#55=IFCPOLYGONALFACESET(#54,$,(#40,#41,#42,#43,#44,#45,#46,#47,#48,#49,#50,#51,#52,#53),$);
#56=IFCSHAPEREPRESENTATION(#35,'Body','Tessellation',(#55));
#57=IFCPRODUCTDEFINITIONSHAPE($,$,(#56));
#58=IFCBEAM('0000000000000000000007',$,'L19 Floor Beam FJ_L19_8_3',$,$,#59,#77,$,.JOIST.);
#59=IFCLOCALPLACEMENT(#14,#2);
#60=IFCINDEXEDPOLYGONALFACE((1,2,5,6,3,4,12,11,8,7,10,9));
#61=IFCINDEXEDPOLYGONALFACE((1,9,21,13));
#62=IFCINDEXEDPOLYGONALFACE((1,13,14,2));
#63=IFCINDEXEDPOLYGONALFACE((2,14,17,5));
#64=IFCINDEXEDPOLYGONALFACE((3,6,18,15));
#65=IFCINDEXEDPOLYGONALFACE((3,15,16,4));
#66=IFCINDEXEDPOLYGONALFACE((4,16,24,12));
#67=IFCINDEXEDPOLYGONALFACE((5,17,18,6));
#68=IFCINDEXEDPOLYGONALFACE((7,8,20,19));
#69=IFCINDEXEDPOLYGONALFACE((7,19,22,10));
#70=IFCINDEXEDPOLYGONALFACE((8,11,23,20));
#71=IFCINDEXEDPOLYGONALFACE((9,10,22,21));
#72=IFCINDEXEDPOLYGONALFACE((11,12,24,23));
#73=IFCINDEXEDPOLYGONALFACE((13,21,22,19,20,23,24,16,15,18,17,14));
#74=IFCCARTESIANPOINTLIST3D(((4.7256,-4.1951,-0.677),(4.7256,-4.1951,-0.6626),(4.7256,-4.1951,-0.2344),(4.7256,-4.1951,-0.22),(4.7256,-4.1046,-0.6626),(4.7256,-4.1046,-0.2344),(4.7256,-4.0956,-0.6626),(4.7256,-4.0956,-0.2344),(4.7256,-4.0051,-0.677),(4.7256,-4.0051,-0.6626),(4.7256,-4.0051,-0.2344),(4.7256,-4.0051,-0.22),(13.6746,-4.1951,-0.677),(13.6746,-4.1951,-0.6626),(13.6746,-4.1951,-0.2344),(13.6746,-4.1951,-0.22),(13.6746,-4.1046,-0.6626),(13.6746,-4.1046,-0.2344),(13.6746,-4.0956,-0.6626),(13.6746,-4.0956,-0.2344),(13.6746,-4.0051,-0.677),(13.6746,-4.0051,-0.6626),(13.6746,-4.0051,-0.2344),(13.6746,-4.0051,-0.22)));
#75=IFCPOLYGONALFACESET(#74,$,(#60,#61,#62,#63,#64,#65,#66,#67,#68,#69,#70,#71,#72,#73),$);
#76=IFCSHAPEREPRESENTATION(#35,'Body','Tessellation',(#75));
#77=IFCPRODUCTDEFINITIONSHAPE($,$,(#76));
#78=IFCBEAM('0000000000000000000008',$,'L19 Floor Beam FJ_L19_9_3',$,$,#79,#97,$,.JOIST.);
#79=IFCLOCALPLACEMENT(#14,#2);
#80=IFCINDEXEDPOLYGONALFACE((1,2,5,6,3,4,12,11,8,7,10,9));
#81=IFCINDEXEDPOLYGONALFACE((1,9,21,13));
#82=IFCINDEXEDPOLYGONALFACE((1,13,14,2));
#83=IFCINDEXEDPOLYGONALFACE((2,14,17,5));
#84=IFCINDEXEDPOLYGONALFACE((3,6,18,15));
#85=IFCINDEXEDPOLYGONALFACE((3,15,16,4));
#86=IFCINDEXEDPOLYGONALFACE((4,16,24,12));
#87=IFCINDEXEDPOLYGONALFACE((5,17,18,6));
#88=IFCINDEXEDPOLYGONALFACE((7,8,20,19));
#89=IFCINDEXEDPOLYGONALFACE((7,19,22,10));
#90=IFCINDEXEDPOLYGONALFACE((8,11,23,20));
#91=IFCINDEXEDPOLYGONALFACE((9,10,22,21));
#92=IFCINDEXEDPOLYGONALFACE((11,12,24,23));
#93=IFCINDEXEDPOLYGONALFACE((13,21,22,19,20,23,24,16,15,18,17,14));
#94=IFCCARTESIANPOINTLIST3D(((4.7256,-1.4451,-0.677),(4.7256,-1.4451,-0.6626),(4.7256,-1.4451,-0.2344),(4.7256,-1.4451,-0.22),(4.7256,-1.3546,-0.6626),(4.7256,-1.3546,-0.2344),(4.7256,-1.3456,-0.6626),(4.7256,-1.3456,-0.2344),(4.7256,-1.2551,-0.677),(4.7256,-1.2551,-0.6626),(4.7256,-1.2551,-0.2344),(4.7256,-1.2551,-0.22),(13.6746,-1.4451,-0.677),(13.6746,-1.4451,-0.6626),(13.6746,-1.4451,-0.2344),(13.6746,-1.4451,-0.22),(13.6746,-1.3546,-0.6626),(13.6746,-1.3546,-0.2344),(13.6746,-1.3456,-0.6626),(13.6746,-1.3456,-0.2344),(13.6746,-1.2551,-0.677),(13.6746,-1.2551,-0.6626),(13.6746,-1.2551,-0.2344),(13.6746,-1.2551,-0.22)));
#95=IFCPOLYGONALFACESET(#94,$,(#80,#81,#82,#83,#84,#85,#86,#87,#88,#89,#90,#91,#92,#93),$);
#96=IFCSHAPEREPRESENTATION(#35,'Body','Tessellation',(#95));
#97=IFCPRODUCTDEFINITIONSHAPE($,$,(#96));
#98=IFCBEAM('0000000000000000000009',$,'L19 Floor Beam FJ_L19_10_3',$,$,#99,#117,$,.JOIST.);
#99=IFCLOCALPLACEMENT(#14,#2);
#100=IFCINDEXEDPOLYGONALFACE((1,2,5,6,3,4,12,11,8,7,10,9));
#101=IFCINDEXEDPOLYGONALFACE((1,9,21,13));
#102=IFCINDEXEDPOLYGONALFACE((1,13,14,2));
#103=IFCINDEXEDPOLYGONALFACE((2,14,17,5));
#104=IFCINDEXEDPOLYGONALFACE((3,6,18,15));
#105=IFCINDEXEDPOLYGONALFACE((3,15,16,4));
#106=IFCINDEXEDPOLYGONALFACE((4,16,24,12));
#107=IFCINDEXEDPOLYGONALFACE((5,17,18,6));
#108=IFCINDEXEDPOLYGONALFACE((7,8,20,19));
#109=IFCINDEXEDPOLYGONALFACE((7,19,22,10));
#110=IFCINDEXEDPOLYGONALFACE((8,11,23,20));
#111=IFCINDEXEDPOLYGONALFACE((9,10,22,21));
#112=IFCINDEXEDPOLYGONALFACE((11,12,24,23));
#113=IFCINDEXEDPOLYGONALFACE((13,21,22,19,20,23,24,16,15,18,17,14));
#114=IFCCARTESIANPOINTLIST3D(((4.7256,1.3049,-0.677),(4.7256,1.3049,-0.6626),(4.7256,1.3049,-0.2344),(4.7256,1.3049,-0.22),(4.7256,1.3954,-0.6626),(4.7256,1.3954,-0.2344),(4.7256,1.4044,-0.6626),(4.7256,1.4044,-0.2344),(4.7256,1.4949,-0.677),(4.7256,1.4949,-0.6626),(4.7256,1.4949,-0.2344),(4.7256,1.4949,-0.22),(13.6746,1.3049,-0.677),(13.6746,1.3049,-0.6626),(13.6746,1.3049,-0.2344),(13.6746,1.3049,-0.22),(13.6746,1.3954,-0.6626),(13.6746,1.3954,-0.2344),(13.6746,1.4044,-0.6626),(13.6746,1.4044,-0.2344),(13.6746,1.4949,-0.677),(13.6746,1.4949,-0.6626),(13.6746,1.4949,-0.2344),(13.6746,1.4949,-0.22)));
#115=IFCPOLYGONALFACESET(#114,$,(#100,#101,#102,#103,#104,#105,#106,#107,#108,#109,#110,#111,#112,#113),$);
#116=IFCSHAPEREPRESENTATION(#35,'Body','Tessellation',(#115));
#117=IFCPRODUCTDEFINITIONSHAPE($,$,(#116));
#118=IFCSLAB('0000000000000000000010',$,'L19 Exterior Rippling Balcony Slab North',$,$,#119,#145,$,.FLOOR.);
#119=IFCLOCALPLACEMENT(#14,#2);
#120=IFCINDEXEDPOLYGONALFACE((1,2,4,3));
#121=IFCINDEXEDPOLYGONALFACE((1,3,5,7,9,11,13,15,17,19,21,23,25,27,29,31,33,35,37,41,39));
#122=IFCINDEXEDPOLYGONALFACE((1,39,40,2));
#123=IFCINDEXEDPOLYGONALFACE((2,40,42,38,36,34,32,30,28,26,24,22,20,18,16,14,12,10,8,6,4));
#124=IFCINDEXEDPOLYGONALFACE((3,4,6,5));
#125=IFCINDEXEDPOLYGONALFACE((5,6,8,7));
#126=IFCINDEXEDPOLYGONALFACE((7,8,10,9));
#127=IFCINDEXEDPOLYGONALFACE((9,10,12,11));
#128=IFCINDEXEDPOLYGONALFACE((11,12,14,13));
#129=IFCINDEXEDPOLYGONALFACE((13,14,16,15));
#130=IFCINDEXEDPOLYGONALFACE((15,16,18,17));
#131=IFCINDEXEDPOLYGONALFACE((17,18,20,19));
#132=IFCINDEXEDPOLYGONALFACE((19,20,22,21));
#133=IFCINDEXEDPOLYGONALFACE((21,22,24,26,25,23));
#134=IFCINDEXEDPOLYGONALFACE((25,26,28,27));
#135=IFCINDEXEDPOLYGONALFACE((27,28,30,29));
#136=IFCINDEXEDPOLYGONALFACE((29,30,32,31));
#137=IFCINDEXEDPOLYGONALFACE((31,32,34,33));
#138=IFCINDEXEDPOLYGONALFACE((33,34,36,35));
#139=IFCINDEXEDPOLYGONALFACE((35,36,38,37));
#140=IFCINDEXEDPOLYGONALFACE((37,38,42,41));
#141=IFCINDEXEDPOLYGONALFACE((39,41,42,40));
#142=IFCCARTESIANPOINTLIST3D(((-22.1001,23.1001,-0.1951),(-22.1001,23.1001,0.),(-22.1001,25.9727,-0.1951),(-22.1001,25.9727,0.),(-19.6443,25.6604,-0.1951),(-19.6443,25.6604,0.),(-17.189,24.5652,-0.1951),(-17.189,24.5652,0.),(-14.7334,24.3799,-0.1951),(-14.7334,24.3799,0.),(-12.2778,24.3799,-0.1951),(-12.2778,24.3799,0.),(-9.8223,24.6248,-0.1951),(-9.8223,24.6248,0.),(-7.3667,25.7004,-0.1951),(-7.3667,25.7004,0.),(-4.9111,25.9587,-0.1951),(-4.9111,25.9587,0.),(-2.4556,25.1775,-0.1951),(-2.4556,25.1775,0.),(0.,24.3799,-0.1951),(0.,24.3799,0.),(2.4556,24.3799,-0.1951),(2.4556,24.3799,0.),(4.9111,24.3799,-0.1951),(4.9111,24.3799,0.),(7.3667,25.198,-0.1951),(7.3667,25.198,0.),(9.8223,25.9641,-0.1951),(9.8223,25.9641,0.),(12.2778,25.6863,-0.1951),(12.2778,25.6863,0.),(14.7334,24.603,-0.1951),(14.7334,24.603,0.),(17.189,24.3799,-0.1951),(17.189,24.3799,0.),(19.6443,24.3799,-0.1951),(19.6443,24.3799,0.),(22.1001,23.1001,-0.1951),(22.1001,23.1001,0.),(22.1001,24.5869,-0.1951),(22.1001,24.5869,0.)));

◆ ◆ ◆ ◆ ◆ ◆ ◆

▶ TASK GOAL: Which of the lines above include the string "IFCPRODUCTDEFINITIONSHAPE"? Pick them out and copy them.

▶ ANSWER AREA:
#57=IFCPRODUCTDEFINITIONSHAPE($,$,(#56));
#77=IFCPRODUCTDEFINITIONSHAPE($,$,(#76));
#97=IFCPRODUCTDEFINITIONSHAPE($,$,(#96));
#117=IFCPRODUCTDEFINITIONSHAPE($,$,(#116));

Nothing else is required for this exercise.